EXERCISE DETAILS >>
Return each line of the listing that follows in which the string "Etched" can be found.

RECORDS PROVIDED >>

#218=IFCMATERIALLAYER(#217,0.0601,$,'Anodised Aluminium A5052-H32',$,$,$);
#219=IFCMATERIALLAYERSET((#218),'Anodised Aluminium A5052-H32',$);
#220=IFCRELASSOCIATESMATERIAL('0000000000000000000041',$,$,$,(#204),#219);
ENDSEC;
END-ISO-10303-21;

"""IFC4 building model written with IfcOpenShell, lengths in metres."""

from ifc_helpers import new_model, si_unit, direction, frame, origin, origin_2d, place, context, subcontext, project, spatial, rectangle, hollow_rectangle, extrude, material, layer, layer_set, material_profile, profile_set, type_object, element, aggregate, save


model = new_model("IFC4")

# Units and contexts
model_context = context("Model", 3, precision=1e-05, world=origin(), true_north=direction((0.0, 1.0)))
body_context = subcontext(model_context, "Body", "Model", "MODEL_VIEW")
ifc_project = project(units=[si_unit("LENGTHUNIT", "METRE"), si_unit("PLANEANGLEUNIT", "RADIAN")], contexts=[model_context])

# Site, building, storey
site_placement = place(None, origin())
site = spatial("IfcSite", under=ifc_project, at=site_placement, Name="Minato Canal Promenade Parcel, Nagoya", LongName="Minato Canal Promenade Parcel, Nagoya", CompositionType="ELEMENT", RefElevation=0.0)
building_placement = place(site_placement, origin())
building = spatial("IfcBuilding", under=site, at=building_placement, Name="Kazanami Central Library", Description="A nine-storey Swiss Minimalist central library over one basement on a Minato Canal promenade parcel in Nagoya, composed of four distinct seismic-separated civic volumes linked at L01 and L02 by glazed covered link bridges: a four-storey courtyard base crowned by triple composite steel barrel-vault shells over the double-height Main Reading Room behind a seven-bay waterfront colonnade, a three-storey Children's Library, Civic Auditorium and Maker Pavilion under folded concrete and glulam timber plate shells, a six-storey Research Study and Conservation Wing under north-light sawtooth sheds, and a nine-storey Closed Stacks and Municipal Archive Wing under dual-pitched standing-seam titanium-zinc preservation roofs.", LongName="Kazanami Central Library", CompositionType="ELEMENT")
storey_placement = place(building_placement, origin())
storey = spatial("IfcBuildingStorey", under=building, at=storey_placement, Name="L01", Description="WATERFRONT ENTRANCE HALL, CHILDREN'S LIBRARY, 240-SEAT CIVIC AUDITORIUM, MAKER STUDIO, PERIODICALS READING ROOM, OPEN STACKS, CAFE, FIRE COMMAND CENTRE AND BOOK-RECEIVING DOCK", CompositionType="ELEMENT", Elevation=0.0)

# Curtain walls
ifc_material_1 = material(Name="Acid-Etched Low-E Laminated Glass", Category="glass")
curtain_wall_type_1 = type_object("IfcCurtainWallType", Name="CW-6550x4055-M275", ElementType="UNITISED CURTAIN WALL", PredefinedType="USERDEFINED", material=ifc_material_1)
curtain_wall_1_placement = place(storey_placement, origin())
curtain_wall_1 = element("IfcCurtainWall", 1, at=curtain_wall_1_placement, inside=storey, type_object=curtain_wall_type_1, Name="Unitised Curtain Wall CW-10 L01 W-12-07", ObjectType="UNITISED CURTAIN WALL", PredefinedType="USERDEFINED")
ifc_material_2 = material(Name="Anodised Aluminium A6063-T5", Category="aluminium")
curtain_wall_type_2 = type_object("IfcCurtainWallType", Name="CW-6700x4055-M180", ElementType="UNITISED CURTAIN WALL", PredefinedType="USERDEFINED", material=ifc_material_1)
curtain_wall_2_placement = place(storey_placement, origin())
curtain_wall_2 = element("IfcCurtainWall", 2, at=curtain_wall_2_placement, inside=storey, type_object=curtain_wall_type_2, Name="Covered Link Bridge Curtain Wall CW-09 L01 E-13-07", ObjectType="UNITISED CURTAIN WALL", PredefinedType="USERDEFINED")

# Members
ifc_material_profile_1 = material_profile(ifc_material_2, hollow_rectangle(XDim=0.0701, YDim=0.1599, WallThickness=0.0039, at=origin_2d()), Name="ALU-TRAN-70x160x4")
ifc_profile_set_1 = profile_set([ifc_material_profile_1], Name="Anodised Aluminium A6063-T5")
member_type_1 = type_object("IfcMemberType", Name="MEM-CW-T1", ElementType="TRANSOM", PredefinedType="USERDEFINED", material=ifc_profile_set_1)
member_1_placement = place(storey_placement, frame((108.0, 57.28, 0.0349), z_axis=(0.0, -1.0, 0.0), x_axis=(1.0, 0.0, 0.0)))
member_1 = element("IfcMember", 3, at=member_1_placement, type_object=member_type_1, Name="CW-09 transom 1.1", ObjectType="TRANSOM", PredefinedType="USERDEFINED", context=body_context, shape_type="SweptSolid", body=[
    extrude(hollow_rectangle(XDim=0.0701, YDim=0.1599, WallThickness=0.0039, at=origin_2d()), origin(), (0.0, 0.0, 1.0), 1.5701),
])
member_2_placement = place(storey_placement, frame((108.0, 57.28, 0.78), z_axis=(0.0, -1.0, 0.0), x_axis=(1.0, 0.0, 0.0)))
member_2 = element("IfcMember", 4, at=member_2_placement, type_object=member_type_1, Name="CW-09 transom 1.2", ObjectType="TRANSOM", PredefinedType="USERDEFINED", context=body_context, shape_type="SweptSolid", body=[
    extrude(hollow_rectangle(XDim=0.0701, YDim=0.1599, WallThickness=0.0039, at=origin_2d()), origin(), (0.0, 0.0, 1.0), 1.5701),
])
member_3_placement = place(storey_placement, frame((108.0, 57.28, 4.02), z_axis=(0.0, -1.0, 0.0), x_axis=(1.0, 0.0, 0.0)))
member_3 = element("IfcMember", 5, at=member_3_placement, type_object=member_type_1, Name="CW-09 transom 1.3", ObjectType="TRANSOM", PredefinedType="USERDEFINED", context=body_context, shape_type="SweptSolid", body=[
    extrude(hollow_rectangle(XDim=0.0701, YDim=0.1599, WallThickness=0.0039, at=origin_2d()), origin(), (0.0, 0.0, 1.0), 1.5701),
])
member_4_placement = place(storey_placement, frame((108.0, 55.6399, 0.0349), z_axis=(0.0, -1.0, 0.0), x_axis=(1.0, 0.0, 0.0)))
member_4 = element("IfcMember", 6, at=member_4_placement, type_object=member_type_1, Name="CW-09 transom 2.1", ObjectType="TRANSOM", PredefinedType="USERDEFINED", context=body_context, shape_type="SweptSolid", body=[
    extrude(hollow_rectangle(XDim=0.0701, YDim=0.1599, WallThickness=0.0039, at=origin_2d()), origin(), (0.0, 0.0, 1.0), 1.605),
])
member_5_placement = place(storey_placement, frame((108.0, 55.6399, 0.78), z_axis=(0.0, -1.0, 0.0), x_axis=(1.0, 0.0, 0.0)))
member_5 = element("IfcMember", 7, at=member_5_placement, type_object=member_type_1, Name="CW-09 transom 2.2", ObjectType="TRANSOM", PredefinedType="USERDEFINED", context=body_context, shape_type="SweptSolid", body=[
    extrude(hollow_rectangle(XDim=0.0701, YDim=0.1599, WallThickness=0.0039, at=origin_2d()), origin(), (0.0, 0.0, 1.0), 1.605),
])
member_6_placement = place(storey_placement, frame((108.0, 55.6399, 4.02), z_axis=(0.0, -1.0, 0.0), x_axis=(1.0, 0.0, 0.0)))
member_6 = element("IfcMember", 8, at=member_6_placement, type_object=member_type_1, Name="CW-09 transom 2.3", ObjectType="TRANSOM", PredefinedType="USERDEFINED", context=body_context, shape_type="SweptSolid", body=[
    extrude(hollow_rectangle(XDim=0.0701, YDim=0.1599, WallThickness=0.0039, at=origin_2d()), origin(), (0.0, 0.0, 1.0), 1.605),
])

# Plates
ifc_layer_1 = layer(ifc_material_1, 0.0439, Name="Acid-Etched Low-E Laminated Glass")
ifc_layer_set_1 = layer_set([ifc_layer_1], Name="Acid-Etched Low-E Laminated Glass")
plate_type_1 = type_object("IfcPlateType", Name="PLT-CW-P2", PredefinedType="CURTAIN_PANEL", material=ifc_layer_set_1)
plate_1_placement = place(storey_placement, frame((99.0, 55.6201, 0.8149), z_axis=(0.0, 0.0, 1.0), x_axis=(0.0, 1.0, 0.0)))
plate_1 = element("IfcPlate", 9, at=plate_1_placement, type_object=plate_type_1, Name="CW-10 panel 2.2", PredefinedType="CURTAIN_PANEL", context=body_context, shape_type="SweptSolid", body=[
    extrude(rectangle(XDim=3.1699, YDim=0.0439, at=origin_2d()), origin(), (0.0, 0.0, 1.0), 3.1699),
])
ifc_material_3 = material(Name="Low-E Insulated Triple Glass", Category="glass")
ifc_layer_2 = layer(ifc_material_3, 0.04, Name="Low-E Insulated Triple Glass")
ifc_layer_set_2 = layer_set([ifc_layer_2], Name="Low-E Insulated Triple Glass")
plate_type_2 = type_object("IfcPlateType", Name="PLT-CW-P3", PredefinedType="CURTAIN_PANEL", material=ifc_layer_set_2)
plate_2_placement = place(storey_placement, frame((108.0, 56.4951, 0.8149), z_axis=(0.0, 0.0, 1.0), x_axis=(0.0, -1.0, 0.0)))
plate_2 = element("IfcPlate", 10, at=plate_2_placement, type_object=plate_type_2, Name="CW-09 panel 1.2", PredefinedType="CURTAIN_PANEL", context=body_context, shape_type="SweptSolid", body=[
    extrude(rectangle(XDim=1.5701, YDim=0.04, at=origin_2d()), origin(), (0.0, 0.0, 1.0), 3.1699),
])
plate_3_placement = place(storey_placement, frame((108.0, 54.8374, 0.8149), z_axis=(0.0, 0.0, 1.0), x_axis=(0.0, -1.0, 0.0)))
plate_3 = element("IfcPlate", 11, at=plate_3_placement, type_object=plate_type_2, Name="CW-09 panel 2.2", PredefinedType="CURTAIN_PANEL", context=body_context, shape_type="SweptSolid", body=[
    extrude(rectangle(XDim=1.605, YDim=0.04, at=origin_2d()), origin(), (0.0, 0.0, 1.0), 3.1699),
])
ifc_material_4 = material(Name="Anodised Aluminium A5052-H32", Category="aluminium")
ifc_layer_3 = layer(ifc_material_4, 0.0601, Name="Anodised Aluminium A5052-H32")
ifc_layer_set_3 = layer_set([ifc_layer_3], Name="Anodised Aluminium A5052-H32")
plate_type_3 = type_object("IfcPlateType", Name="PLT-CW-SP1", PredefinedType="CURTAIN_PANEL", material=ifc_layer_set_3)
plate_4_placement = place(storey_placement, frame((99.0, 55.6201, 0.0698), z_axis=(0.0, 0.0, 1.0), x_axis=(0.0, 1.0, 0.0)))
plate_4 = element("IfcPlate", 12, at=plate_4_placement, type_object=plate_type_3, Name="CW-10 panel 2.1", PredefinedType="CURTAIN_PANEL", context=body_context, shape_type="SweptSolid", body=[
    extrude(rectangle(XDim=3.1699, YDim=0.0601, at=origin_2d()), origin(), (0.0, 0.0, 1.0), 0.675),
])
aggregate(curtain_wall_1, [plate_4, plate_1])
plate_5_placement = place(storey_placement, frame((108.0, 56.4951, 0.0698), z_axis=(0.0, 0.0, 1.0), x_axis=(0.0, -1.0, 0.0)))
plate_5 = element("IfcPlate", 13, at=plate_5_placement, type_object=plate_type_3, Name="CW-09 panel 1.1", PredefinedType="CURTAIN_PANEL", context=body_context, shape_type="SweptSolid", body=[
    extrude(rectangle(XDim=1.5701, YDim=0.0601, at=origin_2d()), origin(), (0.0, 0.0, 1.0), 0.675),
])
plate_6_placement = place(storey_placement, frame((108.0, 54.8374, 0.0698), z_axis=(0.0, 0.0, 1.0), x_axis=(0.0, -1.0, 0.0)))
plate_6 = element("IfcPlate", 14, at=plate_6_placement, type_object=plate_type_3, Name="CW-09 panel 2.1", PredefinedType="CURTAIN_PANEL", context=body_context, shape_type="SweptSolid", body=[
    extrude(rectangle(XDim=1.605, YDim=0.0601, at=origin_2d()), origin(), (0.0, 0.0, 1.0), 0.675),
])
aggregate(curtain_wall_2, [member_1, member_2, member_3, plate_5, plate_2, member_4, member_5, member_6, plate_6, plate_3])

RESPONSE >>
ifc_material_1 = material(Name="Acid-Etched Low-E Laminated Glass", Category="glass")
ifc_layer_1 = layer(ifc_material_1, 0.0439, Name="Acid-Etched Low-E Laminated Glass")
ifc_layer_set_1 = layer_set([ifc_layer_1], Name="Acid-Etched Low-E Laminated Glass")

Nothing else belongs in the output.